§ **WHAT YOU NEED TO DO**
Restate word for word the lines of the records below, starting at the line that contains "#139=IFCSHAPEREPRESENTATION(#31,'Body','Tessellation',(#138));" and ending at the line that contains "partition 120 mm',$,$,$,$,$,.PARTITIONING.);", with both of those lines included and nothing else.
++++++++++++++++++++
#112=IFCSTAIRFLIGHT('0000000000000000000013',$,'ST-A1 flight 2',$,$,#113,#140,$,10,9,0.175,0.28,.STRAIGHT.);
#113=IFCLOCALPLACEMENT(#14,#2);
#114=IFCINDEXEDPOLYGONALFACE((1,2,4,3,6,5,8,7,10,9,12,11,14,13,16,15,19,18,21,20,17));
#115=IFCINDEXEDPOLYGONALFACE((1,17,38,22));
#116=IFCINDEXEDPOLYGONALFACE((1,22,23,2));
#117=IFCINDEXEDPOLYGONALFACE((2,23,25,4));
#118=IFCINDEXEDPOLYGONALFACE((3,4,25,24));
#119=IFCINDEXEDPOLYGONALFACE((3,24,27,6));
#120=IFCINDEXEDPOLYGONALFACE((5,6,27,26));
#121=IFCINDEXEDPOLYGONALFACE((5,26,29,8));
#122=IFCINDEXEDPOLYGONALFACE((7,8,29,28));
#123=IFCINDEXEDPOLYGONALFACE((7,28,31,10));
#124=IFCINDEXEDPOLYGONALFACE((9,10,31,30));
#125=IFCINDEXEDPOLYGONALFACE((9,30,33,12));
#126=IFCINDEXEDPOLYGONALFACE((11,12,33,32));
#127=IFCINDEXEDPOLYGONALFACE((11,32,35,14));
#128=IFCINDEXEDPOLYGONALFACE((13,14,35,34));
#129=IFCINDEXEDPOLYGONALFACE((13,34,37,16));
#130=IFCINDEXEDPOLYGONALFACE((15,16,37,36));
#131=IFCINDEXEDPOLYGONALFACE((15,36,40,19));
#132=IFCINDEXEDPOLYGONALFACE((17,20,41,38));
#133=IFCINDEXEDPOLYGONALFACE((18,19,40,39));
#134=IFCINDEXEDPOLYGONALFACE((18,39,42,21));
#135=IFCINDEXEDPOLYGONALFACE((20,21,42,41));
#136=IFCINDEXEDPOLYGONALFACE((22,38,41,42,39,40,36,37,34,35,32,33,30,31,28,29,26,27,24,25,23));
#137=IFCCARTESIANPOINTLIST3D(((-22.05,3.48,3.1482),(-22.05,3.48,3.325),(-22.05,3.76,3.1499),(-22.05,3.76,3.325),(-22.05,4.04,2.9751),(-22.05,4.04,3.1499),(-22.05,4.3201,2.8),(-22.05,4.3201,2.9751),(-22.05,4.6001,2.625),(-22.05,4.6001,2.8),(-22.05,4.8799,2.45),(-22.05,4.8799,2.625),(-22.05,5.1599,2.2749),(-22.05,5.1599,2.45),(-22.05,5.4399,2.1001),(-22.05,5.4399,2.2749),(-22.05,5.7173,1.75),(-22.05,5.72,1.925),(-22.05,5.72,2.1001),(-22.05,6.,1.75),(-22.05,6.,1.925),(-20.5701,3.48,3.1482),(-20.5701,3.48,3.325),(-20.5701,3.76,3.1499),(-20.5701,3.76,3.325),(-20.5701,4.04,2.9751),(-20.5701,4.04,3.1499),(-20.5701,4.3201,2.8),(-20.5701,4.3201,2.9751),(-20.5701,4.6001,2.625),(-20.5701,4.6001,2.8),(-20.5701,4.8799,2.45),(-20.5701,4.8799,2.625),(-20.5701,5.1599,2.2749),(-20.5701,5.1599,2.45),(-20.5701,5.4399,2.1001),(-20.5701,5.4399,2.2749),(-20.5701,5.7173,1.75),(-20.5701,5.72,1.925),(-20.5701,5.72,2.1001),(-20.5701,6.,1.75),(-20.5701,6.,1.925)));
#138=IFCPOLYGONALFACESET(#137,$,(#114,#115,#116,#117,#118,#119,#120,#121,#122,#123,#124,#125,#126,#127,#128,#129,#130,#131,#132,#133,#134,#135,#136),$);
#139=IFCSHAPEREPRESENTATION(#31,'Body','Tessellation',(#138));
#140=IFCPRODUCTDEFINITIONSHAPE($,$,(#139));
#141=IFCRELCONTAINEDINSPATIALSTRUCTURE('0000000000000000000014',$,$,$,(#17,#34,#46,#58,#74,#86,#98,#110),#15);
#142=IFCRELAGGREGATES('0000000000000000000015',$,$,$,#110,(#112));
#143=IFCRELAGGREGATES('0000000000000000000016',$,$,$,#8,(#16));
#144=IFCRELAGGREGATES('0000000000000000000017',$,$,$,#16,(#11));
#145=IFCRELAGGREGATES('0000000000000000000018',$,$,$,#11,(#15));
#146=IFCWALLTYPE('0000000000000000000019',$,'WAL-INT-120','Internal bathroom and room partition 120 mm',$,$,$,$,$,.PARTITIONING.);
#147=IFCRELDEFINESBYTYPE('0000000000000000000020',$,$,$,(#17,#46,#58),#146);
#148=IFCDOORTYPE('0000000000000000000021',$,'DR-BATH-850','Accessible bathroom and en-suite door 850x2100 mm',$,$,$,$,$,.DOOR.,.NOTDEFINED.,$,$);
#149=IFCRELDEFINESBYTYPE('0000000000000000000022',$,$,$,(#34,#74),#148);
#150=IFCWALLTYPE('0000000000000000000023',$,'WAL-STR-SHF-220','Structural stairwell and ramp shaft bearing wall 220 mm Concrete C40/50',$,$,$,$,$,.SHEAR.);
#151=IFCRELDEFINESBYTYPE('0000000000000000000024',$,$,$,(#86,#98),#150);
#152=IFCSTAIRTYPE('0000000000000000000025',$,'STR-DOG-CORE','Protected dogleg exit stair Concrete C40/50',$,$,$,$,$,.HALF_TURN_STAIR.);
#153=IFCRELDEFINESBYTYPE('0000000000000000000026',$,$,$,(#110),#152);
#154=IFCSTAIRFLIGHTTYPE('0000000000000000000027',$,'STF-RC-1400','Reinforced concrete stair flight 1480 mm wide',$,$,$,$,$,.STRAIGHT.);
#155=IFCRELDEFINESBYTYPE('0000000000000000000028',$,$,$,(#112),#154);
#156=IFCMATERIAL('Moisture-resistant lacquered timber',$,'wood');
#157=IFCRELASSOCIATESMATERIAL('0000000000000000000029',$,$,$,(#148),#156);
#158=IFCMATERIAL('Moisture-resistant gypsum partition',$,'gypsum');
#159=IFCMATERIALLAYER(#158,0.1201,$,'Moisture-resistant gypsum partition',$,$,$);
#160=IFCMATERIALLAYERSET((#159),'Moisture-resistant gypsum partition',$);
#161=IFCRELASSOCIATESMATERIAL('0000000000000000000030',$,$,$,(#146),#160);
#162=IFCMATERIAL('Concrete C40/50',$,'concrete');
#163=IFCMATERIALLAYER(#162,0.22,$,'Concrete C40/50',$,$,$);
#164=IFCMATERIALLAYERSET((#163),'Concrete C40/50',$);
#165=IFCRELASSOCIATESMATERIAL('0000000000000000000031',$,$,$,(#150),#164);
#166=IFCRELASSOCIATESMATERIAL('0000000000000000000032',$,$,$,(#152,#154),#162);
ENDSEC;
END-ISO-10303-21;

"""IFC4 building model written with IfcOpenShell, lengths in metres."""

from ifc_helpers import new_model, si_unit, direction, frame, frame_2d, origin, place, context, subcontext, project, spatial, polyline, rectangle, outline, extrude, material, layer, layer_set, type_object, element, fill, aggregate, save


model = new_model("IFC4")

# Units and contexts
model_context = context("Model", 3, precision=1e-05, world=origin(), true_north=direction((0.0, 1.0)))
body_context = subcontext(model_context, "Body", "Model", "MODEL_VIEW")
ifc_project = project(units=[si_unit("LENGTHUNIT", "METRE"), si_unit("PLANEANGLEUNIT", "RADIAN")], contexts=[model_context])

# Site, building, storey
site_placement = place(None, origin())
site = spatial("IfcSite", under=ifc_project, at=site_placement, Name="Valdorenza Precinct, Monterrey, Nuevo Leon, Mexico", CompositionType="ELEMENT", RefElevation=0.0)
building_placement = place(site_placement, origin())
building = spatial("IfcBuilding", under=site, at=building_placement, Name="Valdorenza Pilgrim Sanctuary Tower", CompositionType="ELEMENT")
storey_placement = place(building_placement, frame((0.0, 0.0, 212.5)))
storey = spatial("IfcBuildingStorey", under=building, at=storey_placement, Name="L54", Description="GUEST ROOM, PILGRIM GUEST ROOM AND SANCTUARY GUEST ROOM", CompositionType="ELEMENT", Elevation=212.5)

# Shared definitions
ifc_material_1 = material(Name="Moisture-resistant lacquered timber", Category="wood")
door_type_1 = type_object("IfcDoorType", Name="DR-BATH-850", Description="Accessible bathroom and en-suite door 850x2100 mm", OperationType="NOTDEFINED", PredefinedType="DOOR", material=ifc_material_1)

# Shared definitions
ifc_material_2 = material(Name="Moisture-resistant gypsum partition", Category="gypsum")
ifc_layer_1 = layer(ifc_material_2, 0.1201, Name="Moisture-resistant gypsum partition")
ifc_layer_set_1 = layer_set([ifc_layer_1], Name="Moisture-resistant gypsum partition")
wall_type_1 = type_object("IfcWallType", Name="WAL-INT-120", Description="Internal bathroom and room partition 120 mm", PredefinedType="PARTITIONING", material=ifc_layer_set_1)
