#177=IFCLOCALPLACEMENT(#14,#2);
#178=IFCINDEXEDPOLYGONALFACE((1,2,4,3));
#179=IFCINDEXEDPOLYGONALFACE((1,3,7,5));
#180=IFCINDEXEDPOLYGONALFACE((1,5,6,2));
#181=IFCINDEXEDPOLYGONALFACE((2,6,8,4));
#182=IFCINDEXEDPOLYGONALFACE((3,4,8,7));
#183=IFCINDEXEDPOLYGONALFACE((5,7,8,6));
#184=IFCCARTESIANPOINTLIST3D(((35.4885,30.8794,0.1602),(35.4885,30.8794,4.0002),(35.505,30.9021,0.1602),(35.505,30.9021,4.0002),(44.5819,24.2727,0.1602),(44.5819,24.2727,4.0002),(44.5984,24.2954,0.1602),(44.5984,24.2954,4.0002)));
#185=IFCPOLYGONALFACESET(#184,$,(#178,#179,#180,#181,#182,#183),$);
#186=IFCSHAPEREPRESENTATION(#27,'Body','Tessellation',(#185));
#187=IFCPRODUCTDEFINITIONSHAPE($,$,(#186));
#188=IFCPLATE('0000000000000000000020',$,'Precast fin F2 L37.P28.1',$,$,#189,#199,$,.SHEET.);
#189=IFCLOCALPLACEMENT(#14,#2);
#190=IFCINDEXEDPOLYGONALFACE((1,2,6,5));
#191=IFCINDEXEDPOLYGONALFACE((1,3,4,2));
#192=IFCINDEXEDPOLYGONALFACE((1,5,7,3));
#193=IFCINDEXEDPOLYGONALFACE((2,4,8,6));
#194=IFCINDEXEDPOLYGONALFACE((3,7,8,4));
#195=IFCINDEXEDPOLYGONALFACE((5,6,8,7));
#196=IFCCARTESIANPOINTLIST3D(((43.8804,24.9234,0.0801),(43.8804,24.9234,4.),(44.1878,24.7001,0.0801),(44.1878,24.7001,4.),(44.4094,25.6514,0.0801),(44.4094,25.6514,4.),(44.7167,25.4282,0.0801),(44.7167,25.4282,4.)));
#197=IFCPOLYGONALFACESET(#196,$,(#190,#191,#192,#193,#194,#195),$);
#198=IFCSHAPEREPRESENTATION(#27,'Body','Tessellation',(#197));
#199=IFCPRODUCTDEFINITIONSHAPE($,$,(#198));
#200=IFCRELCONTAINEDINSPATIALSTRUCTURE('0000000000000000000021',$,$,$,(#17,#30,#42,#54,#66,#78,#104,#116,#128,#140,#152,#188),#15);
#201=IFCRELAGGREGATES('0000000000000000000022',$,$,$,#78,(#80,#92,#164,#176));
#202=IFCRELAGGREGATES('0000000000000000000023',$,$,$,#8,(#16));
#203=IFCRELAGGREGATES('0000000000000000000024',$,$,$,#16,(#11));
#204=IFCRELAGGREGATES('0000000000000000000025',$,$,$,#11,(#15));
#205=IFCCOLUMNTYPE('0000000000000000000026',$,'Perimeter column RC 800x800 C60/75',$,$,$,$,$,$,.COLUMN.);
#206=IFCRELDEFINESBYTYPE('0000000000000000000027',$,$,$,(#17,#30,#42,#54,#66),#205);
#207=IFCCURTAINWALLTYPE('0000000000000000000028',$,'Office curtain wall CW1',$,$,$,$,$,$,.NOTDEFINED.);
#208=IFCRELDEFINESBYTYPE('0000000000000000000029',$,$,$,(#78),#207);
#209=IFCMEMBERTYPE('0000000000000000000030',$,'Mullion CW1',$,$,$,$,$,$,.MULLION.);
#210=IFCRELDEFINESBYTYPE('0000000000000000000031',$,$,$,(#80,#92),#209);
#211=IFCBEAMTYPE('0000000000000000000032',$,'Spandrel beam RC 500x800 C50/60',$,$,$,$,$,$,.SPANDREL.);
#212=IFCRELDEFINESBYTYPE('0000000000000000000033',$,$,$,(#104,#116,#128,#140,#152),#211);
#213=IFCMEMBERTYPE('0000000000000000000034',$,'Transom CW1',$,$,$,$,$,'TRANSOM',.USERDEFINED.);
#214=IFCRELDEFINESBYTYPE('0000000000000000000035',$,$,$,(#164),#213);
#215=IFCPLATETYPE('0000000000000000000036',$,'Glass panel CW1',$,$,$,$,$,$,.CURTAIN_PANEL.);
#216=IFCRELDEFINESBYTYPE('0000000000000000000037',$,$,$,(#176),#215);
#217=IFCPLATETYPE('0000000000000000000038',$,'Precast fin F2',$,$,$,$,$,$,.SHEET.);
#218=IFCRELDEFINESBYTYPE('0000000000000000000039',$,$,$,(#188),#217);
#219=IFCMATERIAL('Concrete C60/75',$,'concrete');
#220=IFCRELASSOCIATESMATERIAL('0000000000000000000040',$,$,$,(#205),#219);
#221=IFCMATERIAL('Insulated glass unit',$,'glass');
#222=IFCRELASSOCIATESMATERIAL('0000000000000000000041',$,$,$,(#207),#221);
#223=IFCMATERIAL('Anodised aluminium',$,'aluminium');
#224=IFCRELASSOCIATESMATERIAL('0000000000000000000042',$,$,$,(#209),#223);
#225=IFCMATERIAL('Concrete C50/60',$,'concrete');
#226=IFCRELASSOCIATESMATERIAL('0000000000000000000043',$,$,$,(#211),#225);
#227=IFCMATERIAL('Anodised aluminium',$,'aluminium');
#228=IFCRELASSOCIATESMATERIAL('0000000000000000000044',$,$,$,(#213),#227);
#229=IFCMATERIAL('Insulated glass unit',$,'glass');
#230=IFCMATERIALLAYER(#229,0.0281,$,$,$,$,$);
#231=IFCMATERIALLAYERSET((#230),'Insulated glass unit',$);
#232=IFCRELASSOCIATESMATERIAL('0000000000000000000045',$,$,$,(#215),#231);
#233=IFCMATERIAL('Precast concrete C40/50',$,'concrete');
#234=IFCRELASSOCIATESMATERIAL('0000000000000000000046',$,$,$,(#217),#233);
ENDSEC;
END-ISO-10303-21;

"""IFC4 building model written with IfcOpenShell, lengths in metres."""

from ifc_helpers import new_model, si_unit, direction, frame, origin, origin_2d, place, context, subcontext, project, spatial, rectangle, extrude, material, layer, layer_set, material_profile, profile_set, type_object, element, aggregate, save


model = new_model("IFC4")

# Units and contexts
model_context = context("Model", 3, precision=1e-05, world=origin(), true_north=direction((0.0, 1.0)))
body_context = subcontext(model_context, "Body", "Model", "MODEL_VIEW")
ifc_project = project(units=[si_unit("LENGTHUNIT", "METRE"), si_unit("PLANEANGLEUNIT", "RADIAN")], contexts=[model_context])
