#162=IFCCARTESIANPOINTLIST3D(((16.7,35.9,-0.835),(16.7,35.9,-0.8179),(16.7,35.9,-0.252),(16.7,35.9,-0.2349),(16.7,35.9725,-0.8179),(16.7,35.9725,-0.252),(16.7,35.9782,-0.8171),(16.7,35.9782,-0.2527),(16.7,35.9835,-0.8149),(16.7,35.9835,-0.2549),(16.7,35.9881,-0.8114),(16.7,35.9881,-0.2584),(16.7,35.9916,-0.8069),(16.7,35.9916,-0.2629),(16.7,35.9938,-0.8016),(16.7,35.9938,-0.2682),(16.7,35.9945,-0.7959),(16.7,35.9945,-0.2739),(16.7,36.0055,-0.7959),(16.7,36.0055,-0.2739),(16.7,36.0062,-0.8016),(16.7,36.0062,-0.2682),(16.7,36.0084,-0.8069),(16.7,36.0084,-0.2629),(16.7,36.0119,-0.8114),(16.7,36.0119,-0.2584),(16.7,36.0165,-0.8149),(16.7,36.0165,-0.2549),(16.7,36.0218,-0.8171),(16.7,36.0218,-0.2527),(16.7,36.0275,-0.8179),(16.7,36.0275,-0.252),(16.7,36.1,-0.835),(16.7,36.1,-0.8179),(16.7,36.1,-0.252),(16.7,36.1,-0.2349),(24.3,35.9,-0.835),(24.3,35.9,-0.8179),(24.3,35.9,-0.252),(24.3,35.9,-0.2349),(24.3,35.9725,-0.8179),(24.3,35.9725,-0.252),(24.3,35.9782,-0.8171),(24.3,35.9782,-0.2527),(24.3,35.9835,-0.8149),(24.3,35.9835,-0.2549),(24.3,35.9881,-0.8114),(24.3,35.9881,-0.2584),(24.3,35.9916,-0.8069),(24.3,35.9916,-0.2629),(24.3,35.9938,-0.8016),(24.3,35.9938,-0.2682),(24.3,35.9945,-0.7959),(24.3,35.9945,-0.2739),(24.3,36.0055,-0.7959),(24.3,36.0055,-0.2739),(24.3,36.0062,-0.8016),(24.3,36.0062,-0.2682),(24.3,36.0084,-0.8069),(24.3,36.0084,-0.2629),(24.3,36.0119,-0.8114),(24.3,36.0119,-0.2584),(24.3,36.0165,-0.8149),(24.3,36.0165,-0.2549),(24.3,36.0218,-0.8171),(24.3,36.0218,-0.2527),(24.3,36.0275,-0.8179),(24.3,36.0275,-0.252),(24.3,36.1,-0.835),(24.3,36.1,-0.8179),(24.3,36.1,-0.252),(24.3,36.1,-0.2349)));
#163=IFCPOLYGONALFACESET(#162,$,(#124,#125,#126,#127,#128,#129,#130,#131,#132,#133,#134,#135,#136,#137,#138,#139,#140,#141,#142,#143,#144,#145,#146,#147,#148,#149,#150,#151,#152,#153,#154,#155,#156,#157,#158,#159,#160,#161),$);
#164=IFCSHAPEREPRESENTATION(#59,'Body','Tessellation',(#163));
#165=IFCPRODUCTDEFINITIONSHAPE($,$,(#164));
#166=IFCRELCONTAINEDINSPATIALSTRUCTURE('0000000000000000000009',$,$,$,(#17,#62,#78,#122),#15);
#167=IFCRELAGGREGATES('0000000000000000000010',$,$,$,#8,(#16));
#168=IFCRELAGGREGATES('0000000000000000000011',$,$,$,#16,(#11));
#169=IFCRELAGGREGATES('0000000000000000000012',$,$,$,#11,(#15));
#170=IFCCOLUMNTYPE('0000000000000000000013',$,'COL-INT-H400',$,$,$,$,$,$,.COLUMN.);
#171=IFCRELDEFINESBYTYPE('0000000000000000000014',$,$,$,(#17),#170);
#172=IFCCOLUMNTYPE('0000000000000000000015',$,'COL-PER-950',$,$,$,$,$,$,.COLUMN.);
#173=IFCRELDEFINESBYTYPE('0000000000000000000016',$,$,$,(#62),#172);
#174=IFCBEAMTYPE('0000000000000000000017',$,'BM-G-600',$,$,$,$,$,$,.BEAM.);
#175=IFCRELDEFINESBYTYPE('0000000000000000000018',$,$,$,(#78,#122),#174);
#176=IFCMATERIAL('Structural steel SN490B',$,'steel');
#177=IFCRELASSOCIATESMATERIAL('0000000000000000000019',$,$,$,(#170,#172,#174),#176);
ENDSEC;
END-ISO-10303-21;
++++++++++++++++++++
§ **TASK RESPONSE**
#139=IFCSHAPEREPRESENTATION(#31,'Body','Tessellation',(#138));
#140=IFCPRODUCTDEFINITIONSHAPE($,$,(#139));
#141=IFCRELCONTAINEDINSPATIALSTRUCTURE('0000000000000000000014',$,$,$,(#17,#34,#46,#58,#74,#86,#98,#110),#15);
#142=IFCRELAGGREGATES('0000000000000000000015',$,$,$,#110,(#112));
#143=IFCRELAGGREGATES('0000000000000000000016',$,$,$,#8,(#16));
#144=IFCRELAGGREGATES('0000000000000000000017',$,$,$,#16,(#11));
#145=IFCRELAGGREGATES('0000000000000000000018',$,$,$,#11,(#15));
#146=IFCWALLTYPE('0000000000000000000019',$,'WAL-INT-120','Internal bathroom and room partition 120 mm',$,$,$,$,$,.PARTITIONING.);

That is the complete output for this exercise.